== Data section

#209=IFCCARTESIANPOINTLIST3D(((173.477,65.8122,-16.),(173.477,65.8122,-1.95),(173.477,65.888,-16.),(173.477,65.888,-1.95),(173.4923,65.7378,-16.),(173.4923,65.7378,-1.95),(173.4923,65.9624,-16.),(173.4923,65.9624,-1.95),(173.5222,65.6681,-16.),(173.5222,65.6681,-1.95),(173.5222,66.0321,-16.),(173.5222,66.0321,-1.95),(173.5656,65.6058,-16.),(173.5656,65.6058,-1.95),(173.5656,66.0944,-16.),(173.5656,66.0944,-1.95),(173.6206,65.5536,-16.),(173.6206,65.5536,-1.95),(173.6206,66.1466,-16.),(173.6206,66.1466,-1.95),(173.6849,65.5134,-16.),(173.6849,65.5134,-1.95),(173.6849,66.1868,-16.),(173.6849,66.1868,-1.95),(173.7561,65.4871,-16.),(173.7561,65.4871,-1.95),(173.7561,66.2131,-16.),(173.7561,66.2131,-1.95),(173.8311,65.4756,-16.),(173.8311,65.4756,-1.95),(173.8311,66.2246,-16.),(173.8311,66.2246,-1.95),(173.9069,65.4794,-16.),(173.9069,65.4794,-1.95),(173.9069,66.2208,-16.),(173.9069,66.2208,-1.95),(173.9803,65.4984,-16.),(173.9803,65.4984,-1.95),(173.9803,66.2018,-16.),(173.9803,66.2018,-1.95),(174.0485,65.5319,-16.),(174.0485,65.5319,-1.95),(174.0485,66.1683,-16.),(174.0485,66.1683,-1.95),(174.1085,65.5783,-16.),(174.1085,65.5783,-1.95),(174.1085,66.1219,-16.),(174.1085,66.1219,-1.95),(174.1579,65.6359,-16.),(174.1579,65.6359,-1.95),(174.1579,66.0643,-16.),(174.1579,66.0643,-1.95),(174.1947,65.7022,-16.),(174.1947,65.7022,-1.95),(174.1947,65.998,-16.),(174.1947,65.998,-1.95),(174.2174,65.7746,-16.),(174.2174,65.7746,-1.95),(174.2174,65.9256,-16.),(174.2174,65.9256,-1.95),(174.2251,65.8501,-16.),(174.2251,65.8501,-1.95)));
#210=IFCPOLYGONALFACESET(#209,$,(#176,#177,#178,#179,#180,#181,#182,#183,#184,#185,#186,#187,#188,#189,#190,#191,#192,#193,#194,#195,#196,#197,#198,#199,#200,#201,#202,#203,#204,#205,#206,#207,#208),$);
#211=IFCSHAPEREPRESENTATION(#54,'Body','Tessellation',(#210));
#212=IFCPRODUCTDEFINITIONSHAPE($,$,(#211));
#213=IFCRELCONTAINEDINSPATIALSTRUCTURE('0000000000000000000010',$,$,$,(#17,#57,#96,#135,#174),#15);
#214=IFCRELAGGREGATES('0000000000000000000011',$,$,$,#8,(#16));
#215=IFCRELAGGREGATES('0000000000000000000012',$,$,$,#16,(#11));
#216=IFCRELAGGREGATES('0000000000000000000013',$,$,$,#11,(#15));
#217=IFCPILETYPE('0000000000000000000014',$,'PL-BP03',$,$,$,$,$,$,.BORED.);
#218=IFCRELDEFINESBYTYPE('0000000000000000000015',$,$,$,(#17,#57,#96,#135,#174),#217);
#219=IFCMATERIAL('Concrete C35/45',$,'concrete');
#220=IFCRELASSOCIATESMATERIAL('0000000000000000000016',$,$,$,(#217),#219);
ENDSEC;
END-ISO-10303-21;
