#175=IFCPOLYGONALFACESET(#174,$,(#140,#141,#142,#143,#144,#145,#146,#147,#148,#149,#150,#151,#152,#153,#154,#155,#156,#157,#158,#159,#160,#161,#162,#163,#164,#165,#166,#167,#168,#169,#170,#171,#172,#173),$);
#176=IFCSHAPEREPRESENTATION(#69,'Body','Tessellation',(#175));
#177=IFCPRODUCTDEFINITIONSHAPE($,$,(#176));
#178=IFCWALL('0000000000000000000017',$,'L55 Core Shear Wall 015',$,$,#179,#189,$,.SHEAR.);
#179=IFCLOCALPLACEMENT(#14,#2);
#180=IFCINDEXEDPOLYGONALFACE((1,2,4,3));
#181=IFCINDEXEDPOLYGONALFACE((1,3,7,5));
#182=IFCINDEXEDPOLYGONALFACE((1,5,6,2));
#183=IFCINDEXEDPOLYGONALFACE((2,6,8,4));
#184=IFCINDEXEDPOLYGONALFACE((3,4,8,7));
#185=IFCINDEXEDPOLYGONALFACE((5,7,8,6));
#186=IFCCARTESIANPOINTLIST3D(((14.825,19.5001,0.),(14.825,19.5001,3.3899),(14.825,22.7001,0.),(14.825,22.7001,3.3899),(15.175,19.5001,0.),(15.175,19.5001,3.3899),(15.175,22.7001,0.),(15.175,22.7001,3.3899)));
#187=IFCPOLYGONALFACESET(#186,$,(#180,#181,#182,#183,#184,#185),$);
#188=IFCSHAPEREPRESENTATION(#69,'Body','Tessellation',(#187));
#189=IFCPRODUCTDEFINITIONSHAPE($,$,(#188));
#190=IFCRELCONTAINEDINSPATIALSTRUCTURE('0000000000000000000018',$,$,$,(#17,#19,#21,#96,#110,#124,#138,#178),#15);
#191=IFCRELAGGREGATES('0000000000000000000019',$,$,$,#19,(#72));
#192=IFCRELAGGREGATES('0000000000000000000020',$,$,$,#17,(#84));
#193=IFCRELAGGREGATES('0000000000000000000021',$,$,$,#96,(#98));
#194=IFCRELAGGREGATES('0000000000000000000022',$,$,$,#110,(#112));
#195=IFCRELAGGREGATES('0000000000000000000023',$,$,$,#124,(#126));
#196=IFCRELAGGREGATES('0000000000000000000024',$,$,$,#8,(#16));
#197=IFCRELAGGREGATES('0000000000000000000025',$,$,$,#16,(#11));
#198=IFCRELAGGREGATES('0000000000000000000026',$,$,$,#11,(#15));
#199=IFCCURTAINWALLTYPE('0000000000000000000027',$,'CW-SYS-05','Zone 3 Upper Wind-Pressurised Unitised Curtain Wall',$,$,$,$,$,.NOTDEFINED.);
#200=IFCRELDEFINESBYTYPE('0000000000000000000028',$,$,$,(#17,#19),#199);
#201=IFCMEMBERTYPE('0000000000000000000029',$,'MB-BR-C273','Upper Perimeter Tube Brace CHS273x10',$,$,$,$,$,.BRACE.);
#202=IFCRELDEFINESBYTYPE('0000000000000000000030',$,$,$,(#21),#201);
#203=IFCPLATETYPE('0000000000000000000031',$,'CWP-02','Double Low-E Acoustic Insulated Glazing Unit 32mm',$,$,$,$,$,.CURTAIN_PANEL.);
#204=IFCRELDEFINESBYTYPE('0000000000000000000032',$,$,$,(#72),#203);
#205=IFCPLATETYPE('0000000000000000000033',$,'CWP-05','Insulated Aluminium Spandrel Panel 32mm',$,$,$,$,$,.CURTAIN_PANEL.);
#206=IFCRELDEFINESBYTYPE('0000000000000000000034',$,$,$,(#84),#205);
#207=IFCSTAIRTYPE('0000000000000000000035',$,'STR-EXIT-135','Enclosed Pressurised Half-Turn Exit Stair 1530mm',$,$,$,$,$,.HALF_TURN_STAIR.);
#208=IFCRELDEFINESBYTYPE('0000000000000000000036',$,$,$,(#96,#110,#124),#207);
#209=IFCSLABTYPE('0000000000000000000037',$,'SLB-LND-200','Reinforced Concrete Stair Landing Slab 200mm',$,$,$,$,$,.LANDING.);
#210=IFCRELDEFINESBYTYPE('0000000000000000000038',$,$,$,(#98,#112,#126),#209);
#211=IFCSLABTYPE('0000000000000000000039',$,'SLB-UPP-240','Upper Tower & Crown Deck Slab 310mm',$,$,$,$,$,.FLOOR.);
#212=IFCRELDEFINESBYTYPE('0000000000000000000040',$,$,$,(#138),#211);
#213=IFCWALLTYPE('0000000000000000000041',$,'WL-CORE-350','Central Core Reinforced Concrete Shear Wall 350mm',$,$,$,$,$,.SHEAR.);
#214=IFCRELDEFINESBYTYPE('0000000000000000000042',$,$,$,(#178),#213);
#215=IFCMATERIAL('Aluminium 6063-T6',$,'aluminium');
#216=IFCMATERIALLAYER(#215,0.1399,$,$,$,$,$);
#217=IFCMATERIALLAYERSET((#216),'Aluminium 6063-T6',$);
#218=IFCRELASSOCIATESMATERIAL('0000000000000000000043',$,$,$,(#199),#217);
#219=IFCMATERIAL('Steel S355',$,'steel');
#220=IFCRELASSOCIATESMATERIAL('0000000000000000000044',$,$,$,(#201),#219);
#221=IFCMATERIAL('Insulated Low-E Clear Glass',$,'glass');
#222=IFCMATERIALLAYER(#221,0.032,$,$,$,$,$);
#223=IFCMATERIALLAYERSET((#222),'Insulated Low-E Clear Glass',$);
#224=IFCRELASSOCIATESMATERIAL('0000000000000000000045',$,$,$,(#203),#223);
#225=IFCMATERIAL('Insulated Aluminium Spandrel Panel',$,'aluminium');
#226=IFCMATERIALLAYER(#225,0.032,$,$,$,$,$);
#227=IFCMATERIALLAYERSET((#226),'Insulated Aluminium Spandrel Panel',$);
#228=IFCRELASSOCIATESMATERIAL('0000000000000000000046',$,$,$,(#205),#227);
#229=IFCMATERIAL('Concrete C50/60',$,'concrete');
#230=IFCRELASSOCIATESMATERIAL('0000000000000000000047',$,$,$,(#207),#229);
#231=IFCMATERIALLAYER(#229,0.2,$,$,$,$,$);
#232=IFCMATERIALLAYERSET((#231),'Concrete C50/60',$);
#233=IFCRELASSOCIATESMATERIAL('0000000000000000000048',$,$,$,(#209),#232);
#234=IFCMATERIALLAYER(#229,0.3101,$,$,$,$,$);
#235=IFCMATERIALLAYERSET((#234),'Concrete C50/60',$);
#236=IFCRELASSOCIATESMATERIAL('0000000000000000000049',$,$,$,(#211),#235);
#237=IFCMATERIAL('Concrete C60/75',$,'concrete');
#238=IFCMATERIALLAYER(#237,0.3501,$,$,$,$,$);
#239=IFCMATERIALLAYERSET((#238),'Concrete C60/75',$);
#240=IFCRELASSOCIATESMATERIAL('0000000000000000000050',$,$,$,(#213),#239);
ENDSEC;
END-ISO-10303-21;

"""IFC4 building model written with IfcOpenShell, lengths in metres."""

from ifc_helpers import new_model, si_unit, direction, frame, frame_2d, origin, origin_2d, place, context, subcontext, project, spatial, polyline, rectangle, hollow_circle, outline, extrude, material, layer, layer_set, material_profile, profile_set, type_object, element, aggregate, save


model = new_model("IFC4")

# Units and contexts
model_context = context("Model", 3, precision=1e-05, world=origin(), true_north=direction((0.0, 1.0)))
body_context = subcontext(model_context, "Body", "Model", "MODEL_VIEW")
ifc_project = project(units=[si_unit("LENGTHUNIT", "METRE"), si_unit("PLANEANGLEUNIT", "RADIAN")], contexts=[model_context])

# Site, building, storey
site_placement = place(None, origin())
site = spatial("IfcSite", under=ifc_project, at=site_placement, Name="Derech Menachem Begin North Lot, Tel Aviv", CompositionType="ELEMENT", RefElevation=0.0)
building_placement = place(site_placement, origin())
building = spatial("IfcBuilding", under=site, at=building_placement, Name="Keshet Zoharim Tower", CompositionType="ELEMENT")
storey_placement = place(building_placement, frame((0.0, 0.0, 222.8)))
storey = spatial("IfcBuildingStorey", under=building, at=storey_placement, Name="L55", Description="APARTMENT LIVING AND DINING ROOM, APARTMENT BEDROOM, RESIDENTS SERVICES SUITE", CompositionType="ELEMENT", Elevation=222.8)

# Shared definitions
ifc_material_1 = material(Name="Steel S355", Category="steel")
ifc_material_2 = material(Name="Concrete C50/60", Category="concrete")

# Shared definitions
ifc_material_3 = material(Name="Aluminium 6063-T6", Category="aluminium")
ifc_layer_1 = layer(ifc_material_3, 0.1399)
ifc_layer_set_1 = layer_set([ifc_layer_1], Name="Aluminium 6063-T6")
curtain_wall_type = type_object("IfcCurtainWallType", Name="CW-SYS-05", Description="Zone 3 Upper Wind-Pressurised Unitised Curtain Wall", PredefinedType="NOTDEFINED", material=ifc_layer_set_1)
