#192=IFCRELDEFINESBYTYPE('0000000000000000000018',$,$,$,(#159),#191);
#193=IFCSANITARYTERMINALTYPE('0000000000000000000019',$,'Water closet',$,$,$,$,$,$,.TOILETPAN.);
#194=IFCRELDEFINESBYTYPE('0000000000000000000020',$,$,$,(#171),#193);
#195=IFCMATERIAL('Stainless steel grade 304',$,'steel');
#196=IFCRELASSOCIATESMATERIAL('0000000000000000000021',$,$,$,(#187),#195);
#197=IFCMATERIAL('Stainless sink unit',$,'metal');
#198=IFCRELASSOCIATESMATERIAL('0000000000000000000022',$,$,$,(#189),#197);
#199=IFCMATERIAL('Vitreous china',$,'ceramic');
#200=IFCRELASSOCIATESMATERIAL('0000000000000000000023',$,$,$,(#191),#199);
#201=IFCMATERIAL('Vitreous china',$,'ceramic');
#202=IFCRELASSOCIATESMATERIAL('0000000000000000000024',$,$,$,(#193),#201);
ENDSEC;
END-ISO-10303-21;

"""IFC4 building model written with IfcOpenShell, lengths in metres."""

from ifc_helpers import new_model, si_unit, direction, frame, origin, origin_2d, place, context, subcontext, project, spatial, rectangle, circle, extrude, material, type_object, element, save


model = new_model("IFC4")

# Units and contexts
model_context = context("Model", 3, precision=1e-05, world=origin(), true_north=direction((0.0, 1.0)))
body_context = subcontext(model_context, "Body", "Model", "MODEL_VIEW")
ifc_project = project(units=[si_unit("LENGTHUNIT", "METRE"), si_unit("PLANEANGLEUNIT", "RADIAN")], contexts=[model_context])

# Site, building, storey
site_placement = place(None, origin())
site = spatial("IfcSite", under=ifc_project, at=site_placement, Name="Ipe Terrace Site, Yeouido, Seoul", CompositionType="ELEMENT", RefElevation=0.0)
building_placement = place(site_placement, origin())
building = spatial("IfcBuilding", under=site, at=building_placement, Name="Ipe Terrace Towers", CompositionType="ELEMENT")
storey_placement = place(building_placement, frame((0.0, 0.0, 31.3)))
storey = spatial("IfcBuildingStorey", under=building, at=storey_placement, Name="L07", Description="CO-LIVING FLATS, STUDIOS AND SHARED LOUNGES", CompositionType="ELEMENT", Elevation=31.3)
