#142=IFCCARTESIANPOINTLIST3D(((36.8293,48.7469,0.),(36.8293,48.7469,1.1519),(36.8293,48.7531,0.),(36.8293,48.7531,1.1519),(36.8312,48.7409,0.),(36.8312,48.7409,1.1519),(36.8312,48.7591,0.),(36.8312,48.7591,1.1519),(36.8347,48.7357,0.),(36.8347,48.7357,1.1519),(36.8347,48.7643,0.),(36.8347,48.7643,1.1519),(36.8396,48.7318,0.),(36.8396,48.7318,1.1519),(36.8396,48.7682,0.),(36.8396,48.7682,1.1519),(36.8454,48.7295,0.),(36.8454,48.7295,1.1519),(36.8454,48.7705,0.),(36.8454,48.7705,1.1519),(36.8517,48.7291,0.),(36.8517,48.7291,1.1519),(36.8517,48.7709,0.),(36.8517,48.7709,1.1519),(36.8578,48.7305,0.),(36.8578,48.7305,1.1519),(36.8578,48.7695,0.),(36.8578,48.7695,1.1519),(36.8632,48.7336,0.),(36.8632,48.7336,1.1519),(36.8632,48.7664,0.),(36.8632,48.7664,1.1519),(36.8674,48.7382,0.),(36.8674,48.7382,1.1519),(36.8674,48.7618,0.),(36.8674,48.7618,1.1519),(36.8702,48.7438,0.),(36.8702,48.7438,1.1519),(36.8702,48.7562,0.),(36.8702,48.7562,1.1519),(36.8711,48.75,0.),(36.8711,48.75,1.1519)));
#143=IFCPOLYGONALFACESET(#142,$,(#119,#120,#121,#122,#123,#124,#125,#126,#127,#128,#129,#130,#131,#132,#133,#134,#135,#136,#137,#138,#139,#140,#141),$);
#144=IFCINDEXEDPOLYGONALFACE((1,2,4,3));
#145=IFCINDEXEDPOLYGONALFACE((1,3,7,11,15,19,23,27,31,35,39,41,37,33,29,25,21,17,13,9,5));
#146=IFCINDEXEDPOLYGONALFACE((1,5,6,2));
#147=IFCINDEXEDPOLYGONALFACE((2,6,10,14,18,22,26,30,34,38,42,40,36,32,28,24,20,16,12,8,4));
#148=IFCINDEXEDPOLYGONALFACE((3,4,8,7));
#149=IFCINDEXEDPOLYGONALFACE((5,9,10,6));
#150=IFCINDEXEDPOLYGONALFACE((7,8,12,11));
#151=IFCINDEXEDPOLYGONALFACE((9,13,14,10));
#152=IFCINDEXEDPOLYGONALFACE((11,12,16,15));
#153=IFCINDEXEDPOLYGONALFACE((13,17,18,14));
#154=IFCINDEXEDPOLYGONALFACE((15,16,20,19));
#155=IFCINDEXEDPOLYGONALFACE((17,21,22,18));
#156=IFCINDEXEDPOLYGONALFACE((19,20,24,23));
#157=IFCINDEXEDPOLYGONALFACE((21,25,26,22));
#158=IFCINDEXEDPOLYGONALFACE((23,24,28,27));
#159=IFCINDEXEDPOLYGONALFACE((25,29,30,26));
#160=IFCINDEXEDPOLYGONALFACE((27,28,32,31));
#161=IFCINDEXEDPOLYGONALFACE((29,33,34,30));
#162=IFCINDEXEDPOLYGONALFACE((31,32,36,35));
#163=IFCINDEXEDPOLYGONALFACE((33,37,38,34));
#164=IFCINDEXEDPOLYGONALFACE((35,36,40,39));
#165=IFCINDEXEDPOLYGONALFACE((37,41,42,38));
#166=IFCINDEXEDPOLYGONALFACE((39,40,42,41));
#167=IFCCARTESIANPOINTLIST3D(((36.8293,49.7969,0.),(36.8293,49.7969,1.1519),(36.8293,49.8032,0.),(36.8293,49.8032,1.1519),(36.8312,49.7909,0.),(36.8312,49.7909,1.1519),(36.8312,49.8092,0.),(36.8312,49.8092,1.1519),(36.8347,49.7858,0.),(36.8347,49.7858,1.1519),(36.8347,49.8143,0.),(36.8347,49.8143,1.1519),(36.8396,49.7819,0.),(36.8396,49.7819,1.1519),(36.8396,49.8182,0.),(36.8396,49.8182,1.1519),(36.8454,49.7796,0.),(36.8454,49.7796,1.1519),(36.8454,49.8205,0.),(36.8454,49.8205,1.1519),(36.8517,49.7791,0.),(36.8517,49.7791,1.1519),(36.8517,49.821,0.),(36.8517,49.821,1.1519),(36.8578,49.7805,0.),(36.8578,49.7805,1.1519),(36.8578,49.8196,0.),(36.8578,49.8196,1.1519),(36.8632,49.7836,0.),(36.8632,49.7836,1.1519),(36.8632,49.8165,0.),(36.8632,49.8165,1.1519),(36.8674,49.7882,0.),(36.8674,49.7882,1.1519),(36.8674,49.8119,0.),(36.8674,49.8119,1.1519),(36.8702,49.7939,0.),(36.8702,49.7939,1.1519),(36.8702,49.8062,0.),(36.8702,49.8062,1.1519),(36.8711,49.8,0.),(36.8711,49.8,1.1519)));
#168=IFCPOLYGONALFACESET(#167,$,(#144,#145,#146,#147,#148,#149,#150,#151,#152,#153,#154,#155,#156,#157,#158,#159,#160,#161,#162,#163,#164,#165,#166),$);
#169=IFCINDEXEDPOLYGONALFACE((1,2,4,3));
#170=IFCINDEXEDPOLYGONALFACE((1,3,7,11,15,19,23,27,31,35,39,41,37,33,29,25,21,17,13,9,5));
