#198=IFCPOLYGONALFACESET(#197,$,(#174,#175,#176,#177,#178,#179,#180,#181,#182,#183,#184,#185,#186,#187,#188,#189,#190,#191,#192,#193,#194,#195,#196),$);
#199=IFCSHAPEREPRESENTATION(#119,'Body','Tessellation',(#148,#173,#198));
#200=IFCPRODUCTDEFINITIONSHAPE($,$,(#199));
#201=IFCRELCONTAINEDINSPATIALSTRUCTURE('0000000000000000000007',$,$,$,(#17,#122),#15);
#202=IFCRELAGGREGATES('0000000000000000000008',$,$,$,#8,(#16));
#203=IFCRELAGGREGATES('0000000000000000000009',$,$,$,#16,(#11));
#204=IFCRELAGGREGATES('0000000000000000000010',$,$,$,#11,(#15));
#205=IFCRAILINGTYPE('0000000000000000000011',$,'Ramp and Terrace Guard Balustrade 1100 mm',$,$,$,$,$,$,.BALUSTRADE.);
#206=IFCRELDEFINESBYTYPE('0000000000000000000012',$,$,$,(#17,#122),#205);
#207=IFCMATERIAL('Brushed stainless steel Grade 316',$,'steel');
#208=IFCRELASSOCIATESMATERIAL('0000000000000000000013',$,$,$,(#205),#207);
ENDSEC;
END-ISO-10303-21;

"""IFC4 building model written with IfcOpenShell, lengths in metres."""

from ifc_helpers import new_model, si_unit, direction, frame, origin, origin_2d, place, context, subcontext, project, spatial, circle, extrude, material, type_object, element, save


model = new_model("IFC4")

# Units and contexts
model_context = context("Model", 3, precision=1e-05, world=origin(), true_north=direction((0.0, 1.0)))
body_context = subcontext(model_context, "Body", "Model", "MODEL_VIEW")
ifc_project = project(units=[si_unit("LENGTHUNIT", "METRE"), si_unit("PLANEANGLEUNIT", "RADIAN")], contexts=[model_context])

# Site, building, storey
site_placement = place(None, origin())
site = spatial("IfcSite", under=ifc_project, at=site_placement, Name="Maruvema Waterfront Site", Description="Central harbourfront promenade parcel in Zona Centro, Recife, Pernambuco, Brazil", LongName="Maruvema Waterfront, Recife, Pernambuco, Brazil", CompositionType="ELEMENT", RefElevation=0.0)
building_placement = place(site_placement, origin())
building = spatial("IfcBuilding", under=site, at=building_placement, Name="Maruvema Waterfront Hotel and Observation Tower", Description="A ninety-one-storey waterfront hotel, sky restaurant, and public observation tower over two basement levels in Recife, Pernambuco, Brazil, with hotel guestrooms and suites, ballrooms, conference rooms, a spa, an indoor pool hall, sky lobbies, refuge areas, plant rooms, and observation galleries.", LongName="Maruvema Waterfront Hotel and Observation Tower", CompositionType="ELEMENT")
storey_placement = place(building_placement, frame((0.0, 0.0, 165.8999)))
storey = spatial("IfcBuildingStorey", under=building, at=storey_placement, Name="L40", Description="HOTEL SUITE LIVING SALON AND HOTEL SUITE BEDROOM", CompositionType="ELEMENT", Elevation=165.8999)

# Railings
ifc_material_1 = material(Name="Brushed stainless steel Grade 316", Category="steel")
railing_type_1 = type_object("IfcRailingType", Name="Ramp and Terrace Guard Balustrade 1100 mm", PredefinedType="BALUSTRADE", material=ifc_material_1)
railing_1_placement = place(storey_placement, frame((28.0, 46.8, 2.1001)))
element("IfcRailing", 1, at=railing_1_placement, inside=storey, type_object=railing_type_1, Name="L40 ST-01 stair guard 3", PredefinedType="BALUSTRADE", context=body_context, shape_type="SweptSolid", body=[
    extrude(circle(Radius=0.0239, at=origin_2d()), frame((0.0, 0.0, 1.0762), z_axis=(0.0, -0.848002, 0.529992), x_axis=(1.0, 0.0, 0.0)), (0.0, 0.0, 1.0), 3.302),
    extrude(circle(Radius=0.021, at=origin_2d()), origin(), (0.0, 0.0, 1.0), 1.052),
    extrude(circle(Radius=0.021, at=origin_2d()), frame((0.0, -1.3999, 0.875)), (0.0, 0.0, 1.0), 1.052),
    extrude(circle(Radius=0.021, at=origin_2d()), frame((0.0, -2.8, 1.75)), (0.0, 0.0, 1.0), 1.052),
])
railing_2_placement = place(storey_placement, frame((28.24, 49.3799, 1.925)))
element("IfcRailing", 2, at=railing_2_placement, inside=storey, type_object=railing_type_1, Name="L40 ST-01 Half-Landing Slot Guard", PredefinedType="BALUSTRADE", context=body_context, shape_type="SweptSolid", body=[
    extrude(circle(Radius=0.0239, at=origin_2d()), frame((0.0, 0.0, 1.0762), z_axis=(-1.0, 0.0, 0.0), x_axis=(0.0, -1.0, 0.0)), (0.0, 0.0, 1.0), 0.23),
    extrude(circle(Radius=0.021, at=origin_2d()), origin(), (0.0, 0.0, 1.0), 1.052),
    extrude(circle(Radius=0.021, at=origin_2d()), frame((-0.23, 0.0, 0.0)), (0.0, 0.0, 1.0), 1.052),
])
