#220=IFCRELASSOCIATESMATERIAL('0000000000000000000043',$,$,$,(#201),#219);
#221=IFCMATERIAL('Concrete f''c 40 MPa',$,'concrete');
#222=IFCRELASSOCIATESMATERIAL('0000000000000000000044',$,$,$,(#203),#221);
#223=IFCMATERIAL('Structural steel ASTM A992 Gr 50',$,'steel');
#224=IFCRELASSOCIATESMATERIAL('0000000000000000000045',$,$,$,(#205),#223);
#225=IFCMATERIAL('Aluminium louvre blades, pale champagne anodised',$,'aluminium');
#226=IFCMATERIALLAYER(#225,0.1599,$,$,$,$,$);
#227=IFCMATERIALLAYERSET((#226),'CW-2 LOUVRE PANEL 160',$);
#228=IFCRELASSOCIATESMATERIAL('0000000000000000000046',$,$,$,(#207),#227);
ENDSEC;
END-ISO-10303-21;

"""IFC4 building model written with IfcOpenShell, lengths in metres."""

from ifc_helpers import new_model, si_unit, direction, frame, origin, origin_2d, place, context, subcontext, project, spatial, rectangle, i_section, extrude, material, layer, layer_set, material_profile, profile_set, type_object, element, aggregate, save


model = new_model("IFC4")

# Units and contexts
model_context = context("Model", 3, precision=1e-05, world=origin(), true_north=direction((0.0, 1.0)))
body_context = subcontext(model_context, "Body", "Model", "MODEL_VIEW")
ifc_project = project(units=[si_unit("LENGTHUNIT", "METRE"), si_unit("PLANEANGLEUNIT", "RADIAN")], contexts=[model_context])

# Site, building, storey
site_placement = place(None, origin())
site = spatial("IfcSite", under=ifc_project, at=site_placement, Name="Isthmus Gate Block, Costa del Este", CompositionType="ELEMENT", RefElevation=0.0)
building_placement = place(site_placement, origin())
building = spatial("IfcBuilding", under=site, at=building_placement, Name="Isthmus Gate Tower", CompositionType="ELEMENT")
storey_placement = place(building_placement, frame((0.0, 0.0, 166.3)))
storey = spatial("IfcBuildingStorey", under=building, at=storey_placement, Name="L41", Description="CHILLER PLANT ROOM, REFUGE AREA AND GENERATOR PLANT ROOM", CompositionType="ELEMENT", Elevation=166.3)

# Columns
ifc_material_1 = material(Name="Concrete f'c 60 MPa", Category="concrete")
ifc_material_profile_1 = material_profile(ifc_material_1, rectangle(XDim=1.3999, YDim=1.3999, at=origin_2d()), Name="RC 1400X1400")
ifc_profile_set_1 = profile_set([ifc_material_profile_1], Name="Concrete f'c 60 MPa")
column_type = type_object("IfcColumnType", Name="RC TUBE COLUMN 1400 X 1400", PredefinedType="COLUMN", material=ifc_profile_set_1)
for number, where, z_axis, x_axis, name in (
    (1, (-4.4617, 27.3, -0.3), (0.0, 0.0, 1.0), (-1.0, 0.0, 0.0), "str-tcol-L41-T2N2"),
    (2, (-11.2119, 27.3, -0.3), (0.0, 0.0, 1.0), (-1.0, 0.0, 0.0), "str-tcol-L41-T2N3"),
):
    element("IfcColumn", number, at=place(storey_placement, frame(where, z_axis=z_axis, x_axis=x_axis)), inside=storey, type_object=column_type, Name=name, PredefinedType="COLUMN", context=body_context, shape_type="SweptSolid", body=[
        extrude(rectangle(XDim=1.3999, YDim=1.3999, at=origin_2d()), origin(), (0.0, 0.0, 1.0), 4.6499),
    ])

====

What you will do - This exercise requires the lines of the entries containing the string "IFCPLATETYPE".

Result below -
#203=IFCPLATETYPE('0000000000000000000031',$,'CWP-02','Double Low-E Acoustic Insulated Glazing Unit 32mm',$,$,$,$,$,.CURTAIN_PANEL.);
#205=IFCPLATETYPE('0000000000000000000033',$,'CWP-05','Insulated Aluminium Spandrel Panel 32mm',$,$,$,$,$,.CURTAIN_PANEL.);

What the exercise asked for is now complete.